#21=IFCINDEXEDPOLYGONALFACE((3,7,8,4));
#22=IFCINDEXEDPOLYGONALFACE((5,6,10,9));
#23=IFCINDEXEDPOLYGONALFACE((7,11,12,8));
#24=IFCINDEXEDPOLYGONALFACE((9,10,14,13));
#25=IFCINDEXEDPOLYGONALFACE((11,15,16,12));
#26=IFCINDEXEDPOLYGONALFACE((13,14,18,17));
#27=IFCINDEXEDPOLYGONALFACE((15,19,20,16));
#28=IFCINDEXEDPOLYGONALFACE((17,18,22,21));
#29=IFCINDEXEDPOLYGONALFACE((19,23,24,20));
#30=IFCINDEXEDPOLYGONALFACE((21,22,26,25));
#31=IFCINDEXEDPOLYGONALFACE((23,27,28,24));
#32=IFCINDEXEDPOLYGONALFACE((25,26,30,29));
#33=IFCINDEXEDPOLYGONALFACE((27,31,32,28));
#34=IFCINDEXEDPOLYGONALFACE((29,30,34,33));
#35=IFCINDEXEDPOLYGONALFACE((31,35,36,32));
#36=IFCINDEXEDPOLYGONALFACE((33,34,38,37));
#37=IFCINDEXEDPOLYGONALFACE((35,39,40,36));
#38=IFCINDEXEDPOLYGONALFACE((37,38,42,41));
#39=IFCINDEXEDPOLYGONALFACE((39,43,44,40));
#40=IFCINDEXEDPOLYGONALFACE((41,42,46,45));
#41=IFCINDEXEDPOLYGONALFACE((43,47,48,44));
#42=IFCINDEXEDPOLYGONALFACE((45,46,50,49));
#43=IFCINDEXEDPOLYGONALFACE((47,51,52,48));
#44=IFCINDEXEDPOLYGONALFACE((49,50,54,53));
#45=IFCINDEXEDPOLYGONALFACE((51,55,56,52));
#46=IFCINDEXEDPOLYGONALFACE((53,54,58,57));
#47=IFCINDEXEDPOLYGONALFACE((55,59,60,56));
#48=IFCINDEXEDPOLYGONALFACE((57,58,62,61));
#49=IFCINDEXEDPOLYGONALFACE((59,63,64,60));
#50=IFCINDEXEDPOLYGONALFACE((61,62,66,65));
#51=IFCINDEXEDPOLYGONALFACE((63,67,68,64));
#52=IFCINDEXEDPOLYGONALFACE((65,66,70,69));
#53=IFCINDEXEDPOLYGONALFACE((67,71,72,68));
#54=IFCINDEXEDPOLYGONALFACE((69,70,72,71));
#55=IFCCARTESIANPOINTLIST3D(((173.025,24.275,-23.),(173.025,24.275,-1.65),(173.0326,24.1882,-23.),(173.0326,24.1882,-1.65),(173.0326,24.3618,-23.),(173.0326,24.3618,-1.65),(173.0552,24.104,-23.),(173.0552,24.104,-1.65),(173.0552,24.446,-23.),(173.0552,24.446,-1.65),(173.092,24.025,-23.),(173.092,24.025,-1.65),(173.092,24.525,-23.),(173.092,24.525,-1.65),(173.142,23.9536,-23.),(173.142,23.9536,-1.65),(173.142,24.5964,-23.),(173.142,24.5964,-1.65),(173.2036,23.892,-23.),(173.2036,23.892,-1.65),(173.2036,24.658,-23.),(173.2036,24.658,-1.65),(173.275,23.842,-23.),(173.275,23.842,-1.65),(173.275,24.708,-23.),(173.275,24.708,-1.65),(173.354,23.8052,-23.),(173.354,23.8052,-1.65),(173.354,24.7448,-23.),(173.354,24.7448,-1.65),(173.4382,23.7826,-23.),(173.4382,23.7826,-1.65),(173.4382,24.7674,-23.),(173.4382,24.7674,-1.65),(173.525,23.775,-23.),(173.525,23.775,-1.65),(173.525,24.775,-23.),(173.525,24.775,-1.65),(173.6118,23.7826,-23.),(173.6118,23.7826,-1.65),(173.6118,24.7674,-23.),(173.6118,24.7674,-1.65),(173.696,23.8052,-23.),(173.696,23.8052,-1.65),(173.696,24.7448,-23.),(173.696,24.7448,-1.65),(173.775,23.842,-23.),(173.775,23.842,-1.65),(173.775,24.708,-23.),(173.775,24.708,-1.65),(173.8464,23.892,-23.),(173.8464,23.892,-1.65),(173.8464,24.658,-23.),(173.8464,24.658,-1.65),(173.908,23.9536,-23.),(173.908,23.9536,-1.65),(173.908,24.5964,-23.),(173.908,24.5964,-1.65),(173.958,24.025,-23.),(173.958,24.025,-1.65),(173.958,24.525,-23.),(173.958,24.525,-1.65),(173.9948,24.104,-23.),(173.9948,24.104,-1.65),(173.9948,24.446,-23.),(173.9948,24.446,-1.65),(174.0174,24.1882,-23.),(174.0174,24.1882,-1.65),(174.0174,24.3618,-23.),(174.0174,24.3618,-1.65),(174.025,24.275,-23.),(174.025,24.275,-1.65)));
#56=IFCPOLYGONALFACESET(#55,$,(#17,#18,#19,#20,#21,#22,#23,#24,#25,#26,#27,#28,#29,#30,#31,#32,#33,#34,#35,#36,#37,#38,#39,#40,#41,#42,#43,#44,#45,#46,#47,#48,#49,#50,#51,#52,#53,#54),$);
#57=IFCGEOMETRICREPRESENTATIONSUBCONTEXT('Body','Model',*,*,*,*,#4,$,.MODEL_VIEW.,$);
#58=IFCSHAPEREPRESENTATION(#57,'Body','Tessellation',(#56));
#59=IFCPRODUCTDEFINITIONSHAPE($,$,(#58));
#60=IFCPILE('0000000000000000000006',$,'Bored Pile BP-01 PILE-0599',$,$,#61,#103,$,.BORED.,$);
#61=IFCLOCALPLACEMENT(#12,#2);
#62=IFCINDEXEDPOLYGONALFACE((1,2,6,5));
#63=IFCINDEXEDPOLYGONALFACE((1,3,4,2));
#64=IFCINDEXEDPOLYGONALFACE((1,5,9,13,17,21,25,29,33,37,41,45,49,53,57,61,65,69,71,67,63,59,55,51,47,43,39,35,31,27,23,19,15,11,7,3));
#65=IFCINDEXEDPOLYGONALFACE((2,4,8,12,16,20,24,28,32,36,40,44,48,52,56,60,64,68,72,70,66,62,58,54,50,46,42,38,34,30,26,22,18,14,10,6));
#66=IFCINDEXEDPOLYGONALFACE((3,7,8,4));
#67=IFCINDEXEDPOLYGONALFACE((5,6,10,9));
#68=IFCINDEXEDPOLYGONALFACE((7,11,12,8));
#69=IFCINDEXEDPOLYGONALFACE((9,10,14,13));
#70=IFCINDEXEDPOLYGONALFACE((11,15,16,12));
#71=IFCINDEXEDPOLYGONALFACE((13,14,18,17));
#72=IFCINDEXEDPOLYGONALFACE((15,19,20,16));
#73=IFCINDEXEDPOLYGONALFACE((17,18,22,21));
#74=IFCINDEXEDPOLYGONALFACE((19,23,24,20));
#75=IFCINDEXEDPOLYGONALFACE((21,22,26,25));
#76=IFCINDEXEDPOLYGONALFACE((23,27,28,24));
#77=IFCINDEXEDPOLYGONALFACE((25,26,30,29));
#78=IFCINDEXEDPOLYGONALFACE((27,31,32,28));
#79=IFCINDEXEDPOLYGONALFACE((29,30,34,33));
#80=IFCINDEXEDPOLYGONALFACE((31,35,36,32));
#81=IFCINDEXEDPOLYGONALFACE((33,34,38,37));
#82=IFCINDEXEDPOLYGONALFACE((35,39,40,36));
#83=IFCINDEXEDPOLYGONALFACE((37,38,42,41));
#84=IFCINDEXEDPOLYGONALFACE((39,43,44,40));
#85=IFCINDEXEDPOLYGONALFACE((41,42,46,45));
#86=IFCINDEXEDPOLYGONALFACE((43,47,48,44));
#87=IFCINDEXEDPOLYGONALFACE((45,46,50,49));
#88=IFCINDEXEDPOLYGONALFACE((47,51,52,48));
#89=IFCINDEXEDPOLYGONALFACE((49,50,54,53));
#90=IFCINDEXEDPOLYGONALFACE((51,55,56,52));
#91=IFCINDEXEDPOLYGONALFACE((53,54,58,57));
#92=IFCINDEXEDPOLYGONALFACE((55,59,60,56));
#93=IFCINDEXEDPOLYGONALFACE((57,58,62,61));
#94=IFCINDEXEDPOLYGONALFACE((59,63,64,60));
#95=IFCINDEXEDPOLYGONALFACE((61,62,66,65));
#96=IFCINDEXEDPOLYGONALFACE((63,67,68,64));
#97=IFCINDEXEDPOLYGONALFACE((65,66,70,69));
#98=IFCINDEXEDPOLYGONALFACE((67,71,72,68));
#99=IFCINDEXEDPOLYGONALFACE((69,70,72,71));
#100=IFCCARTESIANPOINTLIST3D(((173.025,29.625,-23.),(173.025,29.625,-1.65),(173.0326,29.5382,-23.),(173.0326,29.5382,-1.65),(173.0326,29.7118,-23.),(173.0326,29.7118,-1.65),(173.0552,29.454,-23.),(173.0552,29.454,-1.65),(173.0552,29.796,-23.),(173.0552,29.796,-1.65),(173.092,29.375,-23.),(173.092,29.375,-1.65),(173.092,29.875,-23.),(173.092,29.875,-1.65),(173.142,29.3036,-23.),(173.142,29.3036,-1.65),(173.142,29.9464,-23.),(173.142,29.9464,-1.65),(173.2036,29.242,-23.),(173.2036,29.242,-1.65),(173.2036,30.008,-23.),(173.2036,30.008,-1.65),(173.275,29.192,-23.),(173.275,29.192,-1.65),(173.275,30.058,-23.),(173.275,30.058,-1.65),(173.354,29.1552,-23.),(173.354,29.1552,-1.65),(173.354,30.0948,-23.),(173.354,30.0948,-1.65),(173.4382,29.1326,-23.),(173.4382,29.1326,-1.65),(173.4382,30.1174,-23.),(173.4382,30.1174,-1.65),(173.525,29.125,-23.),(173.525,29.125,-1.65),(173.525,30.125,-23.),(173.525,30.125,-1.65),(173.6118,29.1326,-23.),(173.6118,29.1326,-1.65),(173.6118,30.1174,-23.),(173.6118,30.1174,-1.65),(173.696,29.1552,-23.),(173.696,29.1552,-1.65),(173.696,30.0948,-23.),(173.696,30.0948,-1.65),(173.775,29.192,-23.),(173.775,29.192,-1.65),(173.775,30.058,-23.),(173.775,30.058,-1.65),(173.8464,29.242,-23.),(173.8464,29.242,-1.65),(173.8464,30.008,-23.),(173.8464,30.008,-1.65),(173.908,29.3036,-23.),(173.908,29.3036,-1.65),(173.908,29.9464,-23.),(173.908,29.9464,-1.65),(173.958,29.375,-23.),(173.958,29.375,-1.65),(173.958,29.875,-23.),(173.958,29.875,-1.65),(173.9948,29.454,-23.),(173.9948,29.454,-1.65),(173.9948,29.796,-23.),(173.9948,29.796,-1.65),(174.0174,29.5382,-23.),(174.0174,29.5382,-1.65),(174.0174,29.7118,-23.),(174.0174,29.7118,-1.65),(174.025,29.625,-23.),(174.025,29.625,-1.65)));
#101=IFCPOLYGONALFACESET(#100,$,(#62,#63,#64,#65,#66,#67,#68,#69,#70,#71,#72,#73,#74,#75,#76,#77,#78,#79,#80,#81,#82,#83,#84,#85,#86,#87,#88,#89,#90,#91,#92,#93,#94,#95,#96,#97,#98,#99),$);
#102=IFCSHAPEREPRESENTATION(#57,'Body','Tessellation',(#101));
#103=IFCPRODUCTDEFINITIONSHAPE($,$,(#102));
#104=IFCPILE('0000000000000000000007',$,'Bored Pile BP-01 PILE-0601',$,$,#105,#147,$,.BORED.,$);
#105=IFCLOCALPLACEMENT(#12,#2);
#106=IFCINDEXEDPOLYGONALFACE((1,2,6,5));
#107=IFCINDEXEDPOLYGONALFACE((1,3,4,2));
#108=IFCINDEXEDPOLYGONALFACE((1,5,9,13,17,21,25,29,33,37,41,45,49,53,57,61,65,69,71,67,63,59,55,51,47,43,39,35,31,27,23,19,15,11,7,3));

▶ **DIRECTIONS**
Gather each line in the data that holds the string "IFCPOLYGONALFACESET".

▶ **THE ANSWER**
#56=IFCPOLYGONALFACESET(#55,$,(#17,#18,#19,#20,#21,#22,#23,#24,#25,#26,#27,#28,#29,#30,#31,#32,#33,#34,#35,#36,#37,#38,#39,#40,#41,#42,#43,#44,#45,#46,#47,#48,#49,#50,#51,#52,#53,#54),$);
#101=IFCPOLYGONALFACESET(#100,$,(#62,#63,#64,#65,#66,#67,#68,#69,#70,#71,#72,#73,#74,#75,#76,#77,#78,#79,#80,#81,#82,#83,#84,#85,#86,#87,#88,#89,#90,#91,#92,#93,#94,#95,#96,#97,#98,#99),$);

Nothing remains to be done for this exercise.